* [Exercise aim]
Search the data for the string "IFCINDEXEDPOLYGONALFACEWITHVOIDS" and gather each line it is in.

[[ Records for the task, beginning ]]

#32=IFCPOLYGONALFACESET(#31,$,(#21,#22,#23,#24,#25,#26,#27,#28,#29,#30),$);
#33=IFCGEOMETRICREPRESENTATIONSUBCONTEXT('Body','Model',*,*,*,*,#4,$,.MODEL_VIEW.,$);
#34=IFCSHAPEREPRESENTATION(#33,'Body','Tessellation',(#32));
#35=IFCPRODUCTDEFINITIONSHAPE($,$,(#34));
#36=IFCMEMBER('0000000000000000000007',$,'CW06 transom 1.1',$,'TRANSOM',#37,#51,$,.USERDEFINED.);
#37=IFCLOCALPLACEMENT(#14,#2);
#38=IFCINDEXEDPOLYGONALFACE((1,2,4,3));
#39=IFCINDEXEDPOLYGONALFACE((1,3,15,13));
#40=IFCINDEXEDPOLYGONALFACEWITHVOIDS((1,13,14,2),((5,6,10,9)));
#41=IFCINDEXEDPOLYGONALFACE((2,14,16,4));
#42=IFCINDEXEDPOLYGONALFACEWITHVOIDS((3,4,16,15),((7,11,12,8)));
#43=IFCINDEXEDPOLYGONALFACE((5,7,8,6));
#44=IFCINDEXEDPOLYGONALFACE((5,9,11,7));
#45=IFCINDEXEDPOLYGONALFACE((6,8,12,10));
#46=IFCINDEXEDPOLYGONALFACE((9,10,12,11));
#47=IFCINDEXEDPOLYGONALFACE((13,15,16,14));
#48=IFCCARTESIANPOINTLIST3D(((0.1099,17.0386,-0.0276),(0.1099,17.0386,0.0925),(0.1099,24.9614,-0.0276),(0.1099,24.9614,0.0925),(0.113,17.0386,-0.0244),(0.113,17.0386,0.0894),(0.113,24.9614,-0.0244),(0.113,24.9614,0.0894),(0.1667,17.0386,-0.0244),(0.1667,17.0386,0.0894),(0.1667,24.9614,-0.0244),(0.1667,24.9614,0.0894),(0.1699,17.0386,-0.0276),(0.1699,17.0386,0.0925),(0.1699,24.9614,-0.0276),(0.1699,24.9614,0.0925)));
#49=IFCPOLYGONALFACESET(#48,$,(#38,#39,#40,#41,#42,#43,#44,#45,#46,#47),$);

[[ Records for the task, end ]]

* [Result for this task]
#40=IFCINDEXEDPOLYGONALFACEWITHVOIDS((1,13,14,2),((5,6,10,9)));
#42=IFCINDEXEDPOLYGONALFACEWITHVOIDS((3,4,16,15),((7,11,12,8)));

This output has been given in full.